(Collected data entries)
'''

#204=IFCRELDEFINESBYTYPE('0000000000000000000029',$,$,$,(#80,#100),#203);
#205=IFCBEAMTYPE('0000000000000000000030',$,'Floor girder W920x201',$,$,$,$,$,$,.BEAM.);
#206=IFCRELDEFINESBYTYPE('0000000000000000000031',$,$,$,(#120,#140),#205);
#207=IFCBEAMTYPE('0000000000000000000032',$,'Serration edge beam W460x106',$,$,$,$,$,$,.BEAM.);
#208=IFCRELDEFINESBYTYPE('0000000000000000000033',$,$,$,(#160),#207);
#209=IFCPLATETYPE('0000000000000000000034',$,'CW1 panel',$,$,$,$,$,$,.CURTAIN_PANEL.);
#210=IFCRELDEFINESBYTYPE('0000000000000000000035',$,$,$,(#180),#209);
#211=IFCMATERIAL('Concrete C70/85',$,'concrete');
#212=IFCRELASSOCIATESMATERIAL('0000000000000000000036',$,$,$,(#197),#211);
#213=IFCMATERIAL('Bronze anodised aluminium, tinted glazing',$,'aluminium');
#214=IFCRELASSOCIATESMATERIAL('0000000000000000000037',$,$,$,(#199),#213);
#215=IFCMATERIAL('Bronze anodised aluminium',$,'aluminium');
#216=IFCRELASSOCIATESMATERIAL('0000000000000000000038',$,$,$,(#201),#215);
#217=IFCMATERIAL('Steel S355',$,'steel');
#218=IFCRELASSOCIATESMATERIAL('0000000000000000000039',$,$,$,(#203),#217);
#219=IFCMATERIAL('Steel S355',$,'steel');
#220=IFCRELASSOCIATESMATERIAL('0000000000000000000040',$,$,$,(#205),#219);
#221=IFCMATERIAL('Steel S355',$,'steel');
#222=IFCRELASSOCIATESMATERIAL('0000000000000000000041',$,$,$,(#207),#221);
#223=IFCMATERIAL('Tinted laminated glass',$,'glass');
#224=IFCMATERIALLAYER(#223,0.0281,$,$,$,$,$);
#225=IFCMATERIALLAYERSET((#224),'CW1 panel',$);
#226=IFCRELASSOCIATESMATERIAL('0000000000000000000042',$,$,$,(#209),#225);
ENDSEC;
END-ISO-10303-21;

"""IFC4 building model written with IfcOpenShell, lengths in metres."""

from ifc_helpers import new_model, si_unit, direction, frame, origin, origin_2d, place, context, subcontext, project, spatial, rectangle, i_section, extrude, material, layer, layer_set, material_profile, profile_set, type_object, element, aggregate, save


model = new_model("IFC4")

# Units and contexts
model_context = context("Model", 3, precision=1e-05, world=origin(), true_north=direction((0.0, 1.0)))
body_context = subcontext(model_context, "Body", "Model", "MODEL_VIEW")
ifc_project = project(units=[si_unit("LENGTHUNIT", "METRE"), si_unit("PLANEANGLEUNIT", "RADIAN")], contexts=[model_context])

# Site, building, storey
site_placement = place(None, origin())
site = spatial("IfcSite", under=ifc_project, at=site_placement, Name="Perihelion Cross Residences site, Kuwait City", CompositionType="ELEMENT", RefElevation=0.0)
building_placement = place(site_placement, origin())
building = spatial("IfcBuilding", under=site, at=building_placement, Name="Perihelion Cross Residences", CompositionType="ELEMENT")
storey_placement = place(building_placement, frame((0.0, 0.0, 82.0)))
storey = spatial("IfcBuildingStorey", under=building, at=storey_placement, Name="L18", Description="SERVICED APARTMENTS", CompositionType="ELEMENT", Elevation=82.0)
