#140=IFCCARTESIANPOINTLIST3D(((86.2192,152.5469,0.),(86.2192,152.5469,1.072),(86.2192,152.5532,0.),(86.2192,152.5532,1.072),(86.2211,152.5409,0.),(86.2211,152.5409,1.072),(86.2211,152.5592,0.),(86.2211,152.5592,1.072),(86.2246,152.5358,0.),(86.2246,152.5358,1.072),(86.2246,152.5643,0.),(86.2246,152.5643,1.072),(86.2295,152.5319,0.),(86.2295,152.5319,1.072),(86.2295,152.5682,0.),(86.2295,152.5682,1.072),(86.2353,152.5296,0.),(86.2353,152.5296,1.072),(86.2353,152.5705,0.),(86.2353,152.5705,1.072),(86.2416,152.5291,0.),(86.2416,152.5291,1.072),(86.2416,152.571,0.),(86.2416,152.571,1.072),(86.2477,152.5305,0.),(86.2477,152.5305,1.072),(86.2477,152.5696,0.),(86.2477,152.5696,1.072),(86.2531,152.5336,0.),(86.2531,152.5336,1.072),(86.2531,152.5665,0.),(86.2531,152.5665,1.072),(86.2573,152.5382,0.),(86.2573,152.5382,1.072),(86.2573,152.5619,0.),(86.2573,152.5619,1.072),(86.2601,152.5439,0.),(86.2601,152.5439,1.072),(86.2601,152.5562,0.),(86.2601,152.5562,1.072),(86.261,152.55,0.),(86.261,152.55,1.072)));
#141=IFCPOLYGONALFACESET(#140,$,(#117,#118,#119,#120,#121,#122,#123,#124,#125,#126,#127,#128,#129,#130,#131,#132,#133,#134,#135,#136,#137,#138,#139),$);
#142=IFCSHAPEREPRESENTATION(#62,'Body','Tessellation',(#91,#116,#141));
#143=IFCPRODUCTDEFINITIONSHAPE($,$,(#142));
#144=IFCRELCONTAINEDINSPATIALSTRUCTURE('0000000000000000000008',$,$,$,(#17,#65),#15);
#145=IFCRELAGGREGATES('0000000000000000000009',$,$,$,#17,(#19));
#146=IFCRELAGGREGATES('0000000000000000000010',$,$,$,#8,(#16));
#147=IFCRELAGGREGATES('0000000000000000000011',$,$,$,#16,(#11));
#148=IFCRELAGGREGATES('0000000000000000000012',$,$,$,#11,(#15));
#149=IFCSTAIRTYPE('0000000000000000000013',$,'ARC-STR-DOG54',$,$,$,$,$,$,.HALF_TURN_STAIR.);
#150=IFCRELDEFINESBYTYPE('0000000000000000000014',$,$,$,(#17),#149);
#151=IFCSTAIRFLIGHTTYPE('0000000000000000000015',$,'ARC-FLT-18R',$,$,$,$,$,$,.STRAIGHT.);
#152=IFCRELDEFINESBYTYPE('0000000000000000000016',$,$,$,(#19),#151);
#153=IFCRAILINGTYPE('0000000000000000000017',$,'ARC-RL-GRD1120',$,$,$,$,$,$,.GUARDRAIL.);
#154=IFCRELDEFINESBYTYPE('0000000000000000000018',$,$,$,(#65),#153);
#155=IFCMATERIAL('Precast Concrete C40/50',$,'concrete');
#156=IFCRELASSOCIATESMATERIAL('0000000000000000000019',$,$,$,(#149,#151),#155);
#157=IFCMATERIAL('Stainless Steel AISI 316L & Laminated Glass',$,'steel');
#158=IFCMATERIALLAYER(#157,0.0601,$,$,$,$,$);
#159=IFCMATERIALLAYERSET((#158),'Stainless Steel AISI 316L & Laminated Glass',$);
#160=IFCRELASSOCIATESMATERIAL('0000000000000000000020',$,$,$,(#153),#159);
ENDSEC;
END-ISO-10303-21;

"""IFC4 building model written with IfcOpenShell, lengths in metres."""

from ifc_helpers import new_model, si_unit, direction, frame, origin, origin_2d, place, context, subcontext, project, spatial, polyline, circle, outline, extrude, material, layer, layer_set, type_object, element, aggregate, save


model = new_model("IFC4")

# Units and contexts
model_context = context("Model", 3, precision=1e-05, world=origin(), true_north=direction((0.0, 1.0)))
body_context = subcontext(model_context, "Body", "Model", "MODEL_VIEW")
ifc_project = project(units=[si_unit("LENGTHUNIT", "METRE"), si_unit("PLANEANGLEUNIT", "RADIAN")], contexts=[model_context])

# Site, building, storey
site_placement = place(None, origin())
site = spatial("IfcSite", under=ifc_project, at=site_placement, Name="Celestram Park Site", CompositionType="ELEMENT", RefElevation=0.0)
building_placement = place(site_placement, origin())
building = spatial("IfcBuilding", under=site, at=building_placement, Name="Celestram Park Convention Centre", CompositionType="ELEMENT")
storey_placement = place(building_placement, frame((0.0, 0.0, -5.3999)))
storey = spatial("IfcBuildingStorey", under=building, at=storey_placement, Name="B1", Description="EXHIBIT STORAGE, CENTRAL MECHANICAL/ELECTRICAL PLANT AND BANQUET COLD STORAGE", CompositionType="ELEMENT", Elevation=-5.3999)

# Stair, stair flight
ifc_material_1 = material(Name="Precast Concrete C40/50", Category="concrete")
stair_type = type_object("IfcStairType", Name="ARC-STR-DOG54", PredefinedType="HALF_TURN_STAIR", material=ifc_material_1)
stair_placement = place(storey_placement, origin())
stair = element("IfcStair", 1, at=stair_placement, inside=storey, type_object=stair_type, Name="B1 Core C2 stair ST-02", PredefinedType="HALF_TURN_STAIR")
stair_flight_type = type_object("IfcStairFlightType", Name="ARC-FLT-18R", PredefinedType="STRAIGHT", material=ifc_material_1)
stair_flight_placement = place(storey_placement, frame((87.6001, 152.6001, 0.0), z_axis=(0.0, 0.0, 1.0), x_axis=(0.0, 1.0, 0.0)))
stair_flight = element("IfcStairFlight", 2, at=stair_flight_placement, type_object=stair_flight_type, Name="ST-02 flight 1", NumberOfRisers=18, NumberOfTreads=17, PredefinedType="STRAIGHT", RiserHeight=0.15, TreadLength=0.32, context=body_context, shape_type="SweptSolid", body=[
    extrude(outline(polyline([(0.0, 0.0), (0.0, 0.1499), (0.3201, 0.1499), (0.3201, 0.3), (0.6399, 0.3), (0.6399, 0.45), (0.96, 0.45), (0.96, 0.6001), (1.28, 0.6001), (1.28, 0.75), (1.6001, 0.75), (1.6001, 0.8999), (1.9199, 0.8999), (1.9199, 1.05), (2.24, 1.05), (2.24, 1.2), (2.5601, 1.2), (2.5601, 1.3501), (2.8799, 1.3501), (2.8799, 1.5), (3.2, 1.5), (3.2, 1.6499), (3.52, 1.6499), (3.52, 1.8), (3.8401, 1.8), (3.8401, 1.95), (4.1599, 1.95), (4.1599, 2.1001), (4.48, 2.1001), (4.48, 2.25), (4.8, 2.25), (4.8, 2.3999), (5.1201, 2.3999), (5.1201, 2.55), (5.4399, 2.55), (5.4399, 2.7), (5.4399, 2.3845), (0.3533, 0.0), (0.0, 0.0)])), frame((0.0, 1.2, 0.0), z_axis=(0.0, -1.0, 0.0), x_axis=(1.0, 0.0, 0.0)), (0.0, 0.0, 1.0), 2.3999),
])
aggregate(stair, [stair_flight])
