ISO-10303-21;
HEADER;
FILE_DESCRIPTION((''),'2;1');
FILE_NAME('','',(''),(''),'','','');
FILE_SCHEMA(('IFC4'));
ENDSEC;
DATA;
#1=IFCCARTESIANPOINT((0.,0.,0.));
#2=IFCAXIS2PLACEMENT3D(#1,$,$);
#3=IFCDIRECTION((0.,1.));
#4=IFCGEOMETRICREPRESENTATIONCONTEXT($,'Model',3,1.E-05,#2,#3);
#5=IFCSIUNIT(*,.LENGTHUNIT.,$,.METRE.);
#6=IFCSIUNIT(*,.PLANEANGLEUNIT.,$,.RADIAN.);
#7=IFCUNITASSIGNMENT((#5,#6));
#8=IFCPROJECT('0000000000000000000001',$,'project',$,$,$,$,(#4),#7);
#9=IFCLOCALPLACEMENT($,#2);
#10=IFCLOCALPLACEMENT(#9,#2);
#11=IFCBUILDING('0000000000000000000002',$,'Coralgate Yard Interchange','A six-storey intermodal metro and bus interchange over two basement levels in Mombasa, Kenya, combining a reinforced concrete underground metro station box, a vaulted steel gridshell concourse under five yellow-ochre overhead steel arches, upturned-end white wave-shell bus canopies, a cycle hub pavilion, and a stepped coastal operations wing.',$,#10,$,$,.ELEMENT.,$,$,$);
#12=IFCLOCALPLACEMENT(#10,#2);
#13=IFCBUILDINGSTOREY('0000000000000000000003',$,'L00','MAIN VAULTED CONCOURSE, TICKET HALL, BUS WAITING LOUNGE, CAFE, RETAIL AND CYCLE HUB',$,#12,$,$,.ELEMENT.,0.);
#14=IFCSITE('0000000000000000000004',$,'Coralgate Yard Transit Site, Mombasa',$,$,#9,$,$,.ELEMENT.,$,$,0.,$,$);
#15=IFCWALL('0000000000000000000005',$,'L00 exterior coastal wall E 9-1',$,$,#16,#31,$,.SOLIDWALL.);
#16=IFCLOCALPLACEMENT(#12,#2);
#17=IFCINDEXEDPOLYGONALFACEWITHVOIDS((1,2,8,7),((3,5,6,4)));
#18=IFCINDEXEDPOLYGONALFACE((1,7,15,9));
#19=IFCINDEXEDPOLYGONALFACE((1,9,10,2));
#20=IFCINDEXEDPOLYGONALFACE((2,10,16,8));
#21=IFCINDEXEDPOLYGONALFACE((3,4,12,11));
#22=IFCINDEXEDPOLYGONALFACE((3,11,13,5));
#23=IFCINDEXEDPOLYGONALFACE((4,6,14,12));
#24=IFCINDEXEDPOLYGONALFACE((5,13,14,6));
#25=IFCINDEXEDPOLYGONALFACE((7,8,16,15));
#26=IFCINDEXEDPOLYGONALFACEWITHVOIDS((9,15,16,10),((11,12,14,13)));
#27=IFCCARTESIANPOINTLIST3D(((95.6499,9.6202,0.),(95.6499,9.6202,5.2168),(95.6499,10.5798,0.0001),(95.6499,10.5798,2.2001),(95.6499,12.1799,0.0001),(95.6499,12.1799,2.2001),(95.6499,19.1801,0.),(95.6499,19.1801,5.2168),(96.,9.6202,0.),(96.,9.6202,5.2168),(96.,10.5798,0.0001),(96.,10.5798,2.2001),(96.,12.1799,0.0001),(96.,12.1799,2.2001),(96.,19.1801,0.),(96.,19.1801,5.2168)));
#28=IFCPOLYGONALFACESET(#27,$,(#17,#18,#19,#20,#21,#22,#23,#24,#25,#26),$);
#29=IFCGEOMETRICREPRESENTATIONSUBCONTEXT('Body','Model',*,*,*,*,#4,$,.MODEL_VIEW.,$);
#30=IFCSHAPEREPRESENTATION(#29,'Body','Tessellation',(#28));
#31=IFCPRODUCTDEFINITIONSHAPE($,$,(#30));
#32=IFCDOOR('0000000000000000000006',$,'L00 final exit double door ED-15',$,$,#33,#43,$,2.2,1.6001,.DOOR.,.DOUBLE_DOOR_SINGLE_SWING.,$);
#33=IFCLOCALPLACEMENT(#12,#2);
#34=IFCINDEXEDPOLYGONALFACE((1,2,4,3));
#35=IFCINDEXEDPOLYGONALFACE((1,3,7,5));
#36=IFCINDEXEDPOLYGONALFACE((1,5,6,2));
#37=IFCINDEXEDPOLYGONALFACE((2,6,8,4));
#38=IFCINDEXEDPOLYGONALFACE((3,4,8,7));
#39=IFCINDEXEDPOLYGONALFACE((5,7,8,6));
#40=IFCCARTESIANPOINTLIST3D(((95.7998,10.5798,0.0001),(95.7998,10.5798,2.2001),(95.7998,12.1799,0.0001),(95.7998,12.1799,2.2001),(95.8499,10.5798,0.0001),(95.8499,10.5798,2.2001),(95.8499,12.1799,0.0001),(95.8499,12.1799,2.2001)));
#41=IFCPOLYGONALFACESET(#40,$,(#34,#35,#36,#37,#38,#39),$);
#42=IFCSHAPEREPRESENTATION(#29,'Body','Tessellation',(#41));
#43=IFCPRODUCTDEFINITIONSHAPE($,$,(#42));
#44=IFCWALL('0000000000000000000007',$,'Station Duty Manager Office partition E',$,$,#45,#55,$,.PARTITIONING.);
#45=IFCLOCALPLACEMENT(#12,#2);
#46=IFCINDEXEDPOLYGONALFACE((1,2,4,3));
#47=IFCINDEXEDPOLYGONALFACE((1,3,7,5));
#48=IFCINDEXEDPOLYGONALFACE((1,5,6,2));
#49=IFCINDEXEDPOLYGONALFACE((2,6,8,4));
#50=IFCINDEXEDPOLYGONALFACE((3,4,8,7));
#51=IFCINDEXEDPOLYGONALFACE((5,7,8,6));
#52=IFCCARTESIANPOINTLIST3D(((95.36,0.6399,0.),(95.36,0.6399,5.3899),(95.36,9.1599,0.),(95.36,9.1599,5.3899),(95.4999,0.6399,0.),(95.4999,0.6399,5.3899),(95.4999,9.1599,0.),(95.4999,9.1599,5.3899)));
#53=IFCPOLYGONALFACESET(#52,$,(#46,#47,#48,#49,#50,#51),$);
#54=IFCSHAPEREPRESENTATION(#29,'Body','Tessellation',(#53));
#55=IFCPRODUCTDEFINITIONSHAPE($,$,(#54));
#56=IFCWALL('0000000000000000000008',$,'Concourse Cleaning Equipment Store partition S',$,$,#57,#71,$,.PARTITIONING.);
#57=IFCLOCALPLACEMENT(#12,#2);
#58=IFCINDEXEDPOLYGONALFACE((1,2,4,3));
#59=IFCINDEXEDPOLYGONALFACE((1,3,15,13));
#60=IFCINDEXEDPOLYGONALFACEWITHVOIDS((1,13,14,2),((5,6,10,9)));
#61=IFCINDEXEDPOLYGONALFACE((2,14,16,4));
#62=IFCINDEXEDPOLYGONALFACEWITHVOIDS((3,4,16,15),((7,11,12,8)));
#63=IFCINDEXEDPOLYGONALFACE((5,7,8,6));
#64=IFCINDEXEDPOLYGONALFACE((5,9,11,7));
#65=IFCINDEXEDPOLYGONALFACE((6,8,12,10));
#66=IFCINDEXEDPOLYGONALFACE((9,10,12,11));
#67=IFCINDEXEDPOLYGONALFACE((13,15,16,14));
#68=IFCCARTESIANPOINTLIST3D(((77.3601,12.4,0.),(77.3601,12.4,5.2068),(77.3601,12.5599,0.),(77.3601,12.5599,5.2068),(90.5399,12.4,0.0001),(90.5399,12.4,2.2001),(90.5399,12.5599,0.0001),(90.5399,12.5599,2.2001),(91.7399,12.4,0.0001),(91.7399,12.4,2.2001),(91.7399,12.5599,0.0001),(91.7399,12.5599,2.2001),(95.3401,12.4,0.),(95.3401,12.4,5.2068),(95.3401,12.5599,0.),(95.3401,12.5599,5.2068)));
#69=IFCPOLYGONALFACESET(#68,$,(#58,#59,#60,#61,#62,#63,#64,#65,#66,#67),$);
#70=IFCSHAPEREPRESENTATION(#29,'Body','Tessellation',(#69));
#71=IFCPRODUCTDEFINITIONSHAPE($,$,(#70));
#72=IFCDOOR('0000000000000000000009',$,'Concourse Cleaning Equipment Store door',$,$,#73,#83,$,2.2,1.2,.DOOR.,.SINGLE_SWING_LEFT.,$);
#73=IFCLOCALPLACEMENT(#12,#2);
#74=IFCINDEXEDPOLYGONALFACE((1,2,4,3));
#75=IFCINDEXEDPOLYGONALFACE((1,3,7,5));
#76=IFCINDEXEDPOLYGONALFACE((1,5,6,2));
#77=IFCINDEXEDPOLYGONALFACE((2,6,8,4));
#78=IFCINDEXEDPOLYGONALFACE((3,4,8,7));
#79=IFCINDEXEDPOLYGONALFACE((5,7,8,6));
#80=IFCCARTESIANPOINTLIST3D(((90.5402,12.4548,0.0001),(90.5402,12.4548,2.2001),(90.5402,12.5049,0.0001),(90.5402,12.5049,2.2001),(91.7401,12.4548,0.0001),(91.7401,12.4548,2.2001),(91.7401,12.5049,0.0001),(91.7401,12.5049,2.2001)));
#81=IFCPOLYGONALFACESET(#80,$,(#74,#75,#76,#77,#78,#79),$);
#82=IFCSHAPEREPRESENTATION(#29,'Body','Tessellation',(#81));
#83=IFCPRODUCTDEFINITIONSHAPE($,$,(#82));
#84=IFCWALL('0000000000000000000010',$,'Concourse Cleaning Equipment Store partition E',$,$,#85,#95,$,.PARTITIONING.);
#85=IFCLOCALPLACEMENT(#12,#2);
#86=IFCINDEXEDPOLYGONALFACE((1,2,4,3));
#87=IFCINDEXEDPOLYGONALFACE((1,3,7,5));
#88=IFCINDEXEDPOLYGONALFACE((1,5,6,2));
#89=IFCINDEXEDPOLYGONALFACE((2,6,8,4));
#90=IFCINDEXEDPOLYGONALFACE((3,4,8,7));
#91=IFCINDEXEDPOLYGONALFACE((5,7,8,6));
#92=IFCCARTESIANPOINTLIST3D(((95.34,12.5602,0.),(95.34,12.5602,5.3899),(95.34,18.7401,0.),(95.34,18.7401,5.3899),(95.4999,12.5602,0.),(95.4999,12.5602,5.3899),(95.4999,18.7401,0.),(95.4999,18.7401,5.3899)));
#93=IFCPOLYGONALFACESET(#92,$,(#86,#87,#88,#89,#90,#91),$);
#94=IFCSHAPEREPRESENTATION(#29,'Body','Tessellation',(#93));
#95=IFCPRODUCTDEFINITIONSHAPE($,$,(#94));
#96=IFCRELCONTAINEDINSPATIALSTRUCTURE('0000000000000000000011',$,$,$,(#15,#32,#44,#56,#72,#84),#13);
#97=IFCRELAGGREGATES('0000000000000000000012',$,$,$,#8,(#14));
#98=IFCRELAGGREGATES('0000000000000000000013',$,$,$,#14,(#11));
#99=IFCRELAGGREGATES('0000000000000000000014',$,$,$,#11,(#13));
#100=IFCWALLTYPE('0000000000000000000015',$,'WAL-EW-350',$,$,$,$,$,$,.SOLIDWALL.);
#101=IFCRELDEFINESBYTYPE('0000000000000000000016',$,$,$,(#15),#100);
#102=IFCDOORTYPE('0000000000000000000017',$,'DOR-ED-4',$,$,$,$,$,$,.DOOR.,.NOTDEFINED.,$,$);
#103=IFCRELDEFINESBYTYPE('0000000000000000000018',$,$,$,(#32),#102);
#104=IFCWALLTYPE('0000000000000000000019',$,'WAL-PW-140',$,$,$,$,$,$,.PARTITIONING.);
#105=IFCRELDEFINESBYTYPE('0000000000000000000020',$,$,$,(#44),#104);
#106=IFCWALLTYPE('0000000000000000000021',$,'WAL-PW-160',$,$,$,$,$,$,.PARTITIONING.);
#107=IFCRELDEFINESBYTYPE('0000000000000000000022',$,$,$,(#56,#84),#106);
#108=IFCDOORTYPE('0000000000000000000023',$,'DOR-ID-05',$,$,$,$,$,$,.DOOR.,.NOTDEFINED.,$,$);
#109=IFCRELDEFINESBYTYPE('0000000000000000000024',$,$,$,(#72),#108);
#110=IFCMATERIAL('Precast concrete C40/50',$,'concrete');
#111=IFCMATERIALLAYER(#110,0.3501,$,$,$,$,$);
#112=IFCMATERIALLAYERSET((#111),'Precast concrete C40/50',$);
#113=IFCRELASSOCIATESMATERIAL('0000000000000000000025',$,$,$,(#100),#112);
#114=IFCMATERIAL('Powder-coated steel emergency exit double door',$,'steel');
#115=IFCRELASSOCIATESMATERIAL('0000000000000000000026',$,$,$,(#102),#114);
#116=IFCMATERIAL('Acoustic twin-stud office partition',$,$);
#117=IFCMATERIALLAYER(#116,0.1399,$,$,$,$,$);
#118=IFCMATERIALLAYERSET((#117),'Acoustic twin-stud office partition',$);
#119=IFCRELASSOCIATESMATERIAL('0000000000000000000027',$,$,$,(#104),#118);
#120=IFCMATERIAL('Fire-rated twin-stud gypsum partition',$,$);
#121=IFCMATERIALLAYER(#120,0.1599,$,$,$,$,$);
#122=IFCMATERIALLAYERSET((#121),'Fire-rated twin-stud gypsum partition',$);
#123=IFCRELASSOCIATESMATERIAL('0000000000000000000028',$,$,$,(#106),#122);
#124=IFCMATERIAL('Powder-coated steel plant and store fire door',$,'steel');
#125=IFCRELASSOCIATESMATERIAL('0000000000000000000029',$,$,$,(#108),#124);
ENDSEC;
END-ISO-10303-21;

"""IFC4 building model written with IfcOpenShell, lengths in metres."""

from ifc_helpers import new_model, si_unit, direction, frame, frame_2d, origin, place, context, subcontext, project, spatial, rectangle, extrude, material, layer, layer_set, type_object, element, fill, save


model = new_model("IFC4")

# Units and contexts
model_context = context("Model", 3, precision=1e-05, world=origin(), true_north=direction((0.0, 1.0)))
body_context = subcontext(model_context, "Body", "Model", "MODEL_VIEW")
ifc_project = project(units=[si_unit("LENGTHUNIT", "METRE"), si_unit("PLANEANGLEUNIT", "RADIAN")], contexts=[model_context])

# Site, building, storey
site_placement = place(None, origin())
site = spatial("IfcSite", under=ifc_project, at=site_placement, Name="Coralgate Yard Transit Site, Mombasa", CompositionType="ELEMENT", RefElevation=0.0)
building_placement = place(site_placement, origin())
building = spatial("IfcBuilding", under=site, at=building_placement, Name="Coralgate Yard Interchange", Description="A six-storey intermodal metro and bus interchange over two basement levels in Mombasa, Kenya, combining a reinforced concrete underground metro station box, a vaulted steel gridshell concourse under five yellow-ochre overhead steel arches, upturned-end white wave-shell bus canopies, a cycle hub pavilion, and a stepped coastal operations wing.", CompositionType="ELEMENT")
storey_placement = place(building_placement, origin())
storey = spatial("IfcBuildingStorey", under=building, at=storey_placement, Name="L00", Description="MAIN VAULTED CONCOURSE, TICKET HALL, BUS WAITING LOUNGE, CAFE, RETAIL AND CYCLE HUB", CompositionType="ELEMENT", Elevation=0.0)

# Wall, opening, door
ifc_material_1 = material(Name="Precast concrete C40/50", Category="concrete")
ifc_layer_1 = layer(ifc_material_1, 0.3501)
ifc_layer_set_1 = layer_set([ifc_layer_1], Name="Precast concrete C40/50")
wall_type_1 = type_object("IfcWallType", Name="WAL-EW-350", PredefinedType="SOLIDWALL", material=ifc_layer_set_1)
wall_1_placement = place(storey_placement, frame((95.825, 19.1799, 0.0), z_axis=(0.0, 0.0, 1.0), x_axis=(0.0, -1.0, 0.0)))
wall_1 = element("IfcWall", 1, at=wall_1_placement, inside=storey, type_object=wall_type_1, Name="L00 exterior coastal wall E 9-1", PredefinedType="SOLIDWALL", context=body_context, shape_type="SweptSolid", body=[
    extrude(rectangle(XDim=9.5598, YDim=0.3501, at=frame_2d((4.7798, 0.0))), origin(), (0.0, 0.0, 1.0), 5.2168),
])
opening_1_placement = place(wall_1_placement, frame((7.0, 0.0, 0.0)))
opening_1 = element("IfcOpeningElement", 2, at=opening_1_placement, cuts=wall_1, PredefinedType="OPENING", context=body_context, shape_type="SweptSolid", body=[
    extrude(rectangle(XDim=1.6001, YDim=2.2, at=frame_2d((0.8, 1.1001))), frame((0.0, 0.1851, 0.0), z_axis=(0.0, -1.0, 0.0), x_axis=(1.0, 0.0, 0.0)), (0.0, 0.0, 1.0), 0.3701),
])
ifc_material_2 = material(Name="Powder-coated steel emergency exit double door", Category="steel")
door_type_1 = type_object("IfcDoorType", Name="DOR-ED-4", OperationType="NOTDEFINED", PredefinedType="DOOR", material=ifc_material_2)
door_1_placement = place(opening_1_placement, origin())
door_1 = element("IfcDoor", 3, at=door_1_placement, inside=storey, type_object=door_type_1, Name="L00 final exit double door ED-15", OperationType="DOUBLE_DOOR_SINGLE_SWING", OverallHeight=2.2, OverallWidth=1.6001, PredefinedType="DOOR", context=body_context, shape_type="SweptSolid", body=[
    extrude(rectangle(XDim=1.6001, YDim=2.2, at=frame_2d((0.8, 1.1001))), frame((0.0, 0.0249, 0.0), z_axis=(0.0, -1.0, 0.0), x_axis=(1.0, 0.0, 0.0)), (0.0, 0.0, 1.0), 0.05),
])
fill(opening_1, door_1)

'''

» **WHAT THE EXERCISE ASKS**: Looking at the records above, report how many lines contain the word "IFCINDEXEDPOLYGONALFACEWITHVOIDS". Answer with the number only.

» **COMPLETED TASK**: 4